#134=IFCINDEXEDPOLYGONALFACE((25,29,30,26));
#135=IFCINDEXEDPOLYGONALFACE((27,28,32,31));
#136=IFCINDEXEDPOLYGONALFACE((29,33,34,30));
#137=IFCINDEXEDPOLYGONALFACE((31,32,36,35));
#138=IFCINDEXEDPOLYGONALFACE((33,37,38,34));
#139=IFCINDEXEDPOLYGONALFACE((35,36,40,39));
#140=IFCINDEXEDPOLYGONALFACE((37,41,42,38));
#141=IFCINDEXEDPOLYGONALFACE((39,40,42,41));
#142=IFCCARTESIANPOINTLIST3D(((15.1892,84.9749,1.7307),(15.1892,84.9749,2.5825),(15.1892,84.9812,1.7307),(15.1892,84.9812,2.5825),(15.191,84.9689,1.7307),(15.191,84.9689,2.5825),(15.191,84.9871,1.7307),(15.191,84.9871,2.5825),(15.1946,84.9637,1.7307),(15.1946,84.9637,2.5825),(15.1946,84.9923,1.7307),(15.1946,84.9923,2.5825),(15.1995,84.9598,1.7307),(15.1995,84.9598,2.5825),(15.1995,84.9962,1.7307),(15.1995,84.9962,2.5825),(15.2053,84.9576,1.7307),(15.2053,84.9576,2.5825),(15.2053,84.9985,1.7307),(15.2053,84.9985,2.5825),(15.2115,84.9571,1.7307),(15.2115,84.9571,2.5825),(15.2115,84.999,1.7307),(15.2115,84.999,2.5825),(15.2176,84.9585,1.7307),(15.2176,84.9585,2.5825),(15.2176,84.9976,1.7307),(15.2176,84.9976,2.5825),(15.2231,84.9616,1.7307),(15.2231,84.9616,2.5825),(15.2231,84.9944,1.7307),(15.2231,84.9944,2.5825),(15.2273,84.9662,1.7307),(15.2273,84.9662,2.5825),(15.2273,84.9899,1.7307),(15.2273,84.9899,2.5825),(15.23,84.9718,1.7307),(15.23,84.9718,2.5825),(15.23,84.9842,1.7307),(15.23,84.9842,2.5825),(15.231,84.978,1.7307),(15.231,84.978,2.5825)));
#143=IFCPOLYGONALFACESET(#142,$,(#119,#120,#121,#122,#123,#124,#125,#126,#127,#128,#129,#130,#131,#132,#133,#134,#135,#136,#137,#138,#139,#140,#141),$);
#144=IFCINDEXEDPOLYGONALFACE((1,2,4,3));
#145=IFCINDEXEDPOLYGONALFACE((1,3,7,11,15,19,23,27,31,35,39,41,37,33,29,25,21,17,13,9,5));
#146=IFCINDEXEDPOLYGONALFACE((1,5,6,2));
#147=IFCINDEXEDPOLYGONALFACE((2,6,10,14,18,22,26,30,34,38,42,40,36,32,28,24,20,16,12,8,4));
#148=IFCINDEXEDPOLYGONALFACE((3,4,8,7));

···

* [EXERCISE AIM]: The records above should all be quoted exactly, please.

* [EXERCISE SOLUTION]:
#134=IFCINDEXEDPOLYGONALFACE((25,29,30,26));
#135=IFCINDEXEDPOLYGONALFACE((27,28,32,31));
#136=IFCINDEXEDPOLYGONALFACE((29,33,34,30));
#137=IFCINDEXEDPOLYGONALFACE((31,32,36,35));
#138=IFCINDEXEDPOLYGONALFACE((33,37,38,34));
#139=IFCINDEXEDPOLYGONALFACE((35,36,40,39));
#140=IFCINDEXEDPOLYGONALFACE((37,41,42,38));
#141=IFCINDEXEDPOLYGONALFACE((39,40,42,41));
#142=IFCCARTESIANPOINTLIST3D(((15.1892,84.9749,1.7307),(15.1892,84.9749,2.5825),(15.1892,84.9812,1.7307),(15.1892,84.9812,2.5825),(15.191,84.9689,1.7307),(15.191,84.9689,2.5825),(15.191,84.9871,1.7307),(15.191,84.9871,2.5825),(15.1946,84.9637,1.7307),(15.1946,84.9637,2.5825),(15.1946,84.9923,1.7307),(15.1946,84.9923,2.5825),(15.1995,84.9598,1.7307),(15.1995,84.9598,2.5825),(15.1995,84.9962,1.7307),(15.1995,84.9962,2.5825),(15.2053,84.9576,1.7307),(15.2053,84.9576,2.5825),(15.2053,84.9985,1.7307),(15.2053,84.9985,2.5825),(15.2115,84.9571,1.7307),(15.2115,84.9571,2.5825),(15.2115,84.999,1.7307),(15.2115,84.999,2.5825),(15.2176,84.9585,1.7307),(15.2176,84.9585,2.5825),(15.2176,84.9976,1.7307),(15.2176,84.9976,2.5825),(15.2231,84.9616,1.7307),(15.2231,84.9616,2.5825),(15.2231,84.9944,1.7307),(15.2231,84.9944,2.5825),(15.2273,84.9662,1.7307),(15.2273,84.9662,2.5825),(15.2273,84.9899,1.7307),(15.2273,84.9899,2.5825),(15.23,84.9718,1.7307),(15.23,84.9718,2.5825),(15.23,84.9842,1.7307),(15.23,84.9842,2.5825),(15.231,84.978,1.7307),(15.231,84.978,2.5825)));
#143=IFCPOLYGONALFACESET(#142,$,(#119,#120,#121,#122,#123,#124,#125,#126,#127,#128,#129,#130,#131,#132,#133,#134,#135,#136,#137,#138,#139,#140,#141),$);
#144=IFCINDEXEDPOLYGONALFACE((1,2,4,3));
#145=IFCINDEXEDPOLYGONALFACE((1,3,7,11,15,19,23,27,31,35,39,41,37,33,29,25,21,17,13,9,5));
#146=IFCINDEXEDPOLYGONALFACE((1,5,6,2));
#147=IFCINDEXEDPOLYGONALFACE((2,6,10,14,18,22,26,30,34,38,42,40,36,32,28,24,20,16,12,8,4));
#148=IFCINDEXEDPOLYGONALFACE((3,4,8,7));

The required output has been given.